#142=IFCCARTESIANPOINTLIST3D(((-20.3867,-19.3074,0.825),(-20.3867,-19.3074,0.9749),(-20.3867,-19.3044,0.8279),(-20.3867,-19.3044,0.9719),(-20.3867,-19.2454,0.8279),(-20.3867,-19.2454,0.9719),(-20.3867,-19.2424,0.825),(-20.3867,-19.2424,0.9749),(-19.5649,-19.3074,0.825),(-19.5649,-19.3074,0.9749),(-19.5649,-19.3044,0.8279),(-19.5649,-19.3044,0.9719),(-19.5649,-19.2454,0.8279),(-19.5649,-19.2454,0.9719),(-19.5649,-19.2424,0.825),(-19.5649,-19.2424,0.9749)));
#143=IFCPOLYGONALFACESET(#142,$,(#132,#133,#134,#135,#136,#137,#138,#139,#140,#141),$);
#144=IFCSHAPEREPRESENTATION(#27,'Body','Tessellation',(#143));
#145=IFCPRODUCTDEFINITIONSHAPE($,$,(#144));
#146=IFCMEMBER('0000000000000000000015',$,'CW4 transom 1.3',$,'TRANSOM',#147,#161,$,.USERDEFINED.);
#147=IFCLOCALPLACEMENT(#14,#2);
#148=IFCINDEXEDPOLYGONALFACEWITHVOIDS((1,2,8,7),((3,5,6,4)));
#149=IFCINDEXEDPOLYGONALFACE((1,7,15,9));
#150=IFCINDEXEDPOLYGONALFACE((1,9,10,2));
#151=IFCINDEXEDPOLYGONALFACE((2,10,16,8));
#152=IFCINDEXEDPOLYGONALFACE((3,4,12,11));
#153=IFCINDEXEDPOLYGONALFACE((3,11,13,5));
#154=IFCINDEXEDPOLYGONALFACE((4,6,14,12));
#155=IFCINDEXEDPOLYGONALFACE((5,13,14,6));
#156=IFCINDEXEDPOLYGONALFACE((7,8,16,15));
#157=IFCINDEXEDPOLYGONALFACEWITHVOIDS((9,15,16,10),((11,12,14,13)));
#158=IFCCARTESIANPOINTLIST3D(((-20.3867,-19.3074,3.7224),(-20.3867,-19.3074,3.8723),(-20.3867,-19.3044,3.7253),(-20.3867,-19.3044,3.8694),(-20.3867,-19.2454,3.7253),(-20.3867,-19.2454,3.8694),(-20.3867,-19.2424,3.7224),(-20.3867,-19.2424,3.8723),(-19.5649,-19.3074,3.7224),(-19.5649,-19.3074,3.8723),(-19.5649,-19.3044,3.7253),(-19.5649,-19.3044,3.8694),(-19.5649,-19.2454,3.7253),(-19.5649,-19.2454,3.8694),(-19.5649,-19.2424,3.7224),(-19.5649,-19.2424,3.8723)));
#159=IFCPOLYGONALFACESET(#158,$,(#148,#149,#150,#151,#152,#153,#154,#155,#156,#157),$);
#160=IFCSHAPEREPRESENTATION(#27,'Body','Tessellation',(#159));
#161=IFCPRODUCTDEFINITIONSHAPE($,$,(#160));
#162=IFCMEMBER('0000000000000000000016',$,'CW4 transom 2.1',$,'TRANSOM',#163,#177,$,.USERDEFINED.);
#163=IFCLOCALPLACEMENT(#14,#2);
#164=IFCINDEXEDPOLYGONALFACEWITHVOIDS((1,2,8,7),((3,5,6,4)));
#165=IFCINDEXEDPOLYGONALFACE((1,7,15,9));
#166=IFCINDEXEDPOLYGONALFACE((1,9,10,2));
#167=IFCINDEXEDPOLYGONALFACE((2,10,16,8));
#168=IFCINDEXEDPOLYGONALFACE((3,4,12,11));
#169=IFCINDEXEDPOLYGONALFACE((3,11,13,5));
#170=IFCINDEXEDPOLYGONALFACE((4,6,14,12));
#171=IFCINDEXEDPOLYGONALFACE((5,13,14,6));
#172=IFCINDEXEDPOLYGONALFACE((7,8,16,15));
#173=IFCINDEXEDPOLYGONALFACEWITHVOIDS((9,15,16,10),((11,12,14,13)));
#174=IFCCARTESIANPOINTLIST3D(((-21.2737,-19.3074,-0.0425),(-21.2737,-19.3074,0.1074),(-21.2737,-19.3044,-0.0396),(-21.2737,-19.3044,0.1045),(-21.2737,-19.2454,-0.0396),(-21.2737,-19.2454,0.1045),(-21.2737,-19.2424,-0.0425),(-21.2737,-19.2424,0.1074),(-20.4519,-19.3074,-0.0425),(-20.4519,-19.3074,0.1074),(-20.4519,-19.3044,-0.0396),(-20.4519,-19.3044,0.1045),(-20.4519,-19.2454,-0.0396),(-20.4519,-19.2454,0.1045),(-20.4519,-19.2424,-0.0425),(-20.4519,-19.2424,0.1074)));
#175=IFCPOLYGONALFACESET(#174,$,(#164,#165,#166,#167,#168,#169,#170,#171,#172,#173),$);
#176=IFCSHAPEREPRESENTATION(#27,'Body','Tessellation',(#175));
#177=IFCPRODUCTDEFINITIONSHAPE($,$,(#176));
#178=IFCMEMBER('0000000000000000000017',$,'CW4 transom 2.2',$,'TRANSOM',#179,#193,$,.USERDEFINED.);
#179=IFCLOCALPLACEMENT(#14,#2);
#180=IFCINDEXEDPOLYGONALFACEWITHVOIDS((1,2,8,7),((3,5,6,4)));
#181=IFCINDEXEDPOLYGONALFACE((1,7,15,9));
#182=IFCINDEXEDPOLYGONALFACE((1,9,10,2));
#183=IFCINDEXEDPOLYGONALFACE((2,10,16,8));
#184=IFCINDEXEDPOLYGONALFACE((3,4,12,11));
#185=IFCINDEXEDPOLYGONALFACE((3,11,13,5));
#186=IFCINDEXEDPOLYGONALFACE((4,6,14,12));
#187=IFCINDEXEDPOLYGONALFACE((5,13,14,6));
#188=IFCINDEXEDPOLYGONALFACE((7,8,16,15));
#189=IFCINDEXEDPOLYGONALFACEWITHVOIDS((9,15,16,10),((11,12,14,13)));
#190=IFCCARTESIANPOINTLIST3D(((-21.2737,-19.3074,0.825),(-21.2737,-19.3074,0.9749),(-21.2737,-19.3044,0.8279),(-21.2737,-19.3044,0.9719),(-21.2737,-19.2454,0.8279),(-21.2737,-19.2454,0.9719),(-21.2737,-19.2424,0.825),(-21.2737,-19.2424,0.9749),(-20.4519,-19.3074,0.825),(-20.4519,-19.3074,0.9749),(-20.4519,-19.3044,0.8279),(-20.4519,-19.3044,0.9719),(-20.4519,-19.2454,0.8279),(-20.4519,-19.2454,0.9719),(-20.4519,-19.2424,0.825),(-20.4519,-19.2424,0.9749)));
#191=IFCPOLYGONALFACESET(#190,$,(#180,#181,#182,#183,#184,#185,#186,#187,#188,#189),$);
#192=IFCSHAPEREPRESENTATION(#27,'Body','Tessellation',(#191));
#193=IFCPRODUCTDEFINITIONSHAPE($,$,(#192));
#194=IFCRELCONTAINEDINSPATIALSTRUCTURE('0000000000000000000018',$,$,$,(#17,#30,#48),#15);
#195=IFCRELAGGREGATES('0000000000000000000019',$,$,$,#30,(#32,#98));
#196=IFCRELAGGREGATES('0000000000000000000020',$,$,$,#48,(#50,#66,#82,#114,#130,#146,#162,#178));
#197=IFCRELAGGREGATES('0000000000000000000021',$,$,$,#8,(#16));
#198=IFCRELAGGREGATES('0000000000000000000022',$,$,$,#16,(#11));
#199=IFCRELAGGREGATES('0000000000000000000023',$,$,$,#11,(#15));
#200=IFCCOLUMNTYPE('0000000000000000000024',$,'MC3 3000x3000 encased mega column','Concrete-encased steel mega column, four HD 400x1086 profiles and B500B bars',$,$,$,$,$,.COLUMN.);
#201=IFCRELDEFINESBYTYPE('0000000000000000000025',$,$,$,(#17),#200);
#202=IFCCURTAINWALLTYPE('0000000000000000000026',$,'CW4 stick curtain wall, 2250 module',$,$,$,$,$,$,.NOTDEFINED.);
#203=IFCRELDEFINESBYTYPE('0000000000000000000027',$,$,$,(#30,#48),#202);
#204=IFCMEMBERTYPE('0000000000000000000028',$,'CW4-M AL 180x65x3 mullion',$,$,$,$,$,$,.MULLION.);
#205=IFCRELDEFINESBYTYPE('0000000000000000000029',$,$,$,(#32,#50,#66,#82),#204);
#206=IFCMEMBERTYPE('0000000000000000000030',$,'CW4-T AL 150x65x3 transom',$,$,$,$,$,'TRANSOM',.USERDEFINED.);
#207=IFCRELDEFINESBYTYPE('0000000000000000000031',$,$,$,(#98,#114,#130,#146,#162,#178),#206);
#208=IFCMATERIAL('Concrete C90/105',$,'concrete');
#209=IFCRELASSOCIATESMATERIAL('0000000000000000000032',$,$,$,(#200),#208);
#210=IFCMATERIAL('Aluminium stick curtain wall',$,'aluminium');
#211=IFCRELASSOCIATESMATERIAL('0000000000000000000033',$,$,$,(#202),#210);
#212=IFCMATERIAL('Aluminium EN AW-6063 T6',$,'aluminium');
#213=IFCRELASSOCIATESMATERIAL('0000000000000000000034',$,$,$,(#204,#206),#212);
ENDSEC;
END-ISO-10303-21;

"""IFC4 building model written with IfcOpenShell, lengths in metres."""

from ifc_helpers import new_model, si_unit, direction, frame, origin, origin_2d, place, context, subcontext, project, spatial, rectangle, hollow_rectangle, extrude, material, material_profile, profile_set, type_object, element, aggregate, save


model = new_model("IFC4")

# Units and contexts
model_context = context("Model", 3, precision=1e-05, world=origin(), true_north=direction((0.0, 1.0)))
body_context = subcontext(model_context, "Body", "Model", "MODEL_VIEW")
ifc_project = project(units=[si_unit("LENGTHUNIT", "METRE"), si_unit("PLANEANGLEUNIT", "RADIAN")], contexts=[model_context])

**PROBLEM TO SOLVE**
Scan the records above and count the lines that contain "IFCPOLYGONALFACESET". No text besides the count.

**FINAL ANSWER**
4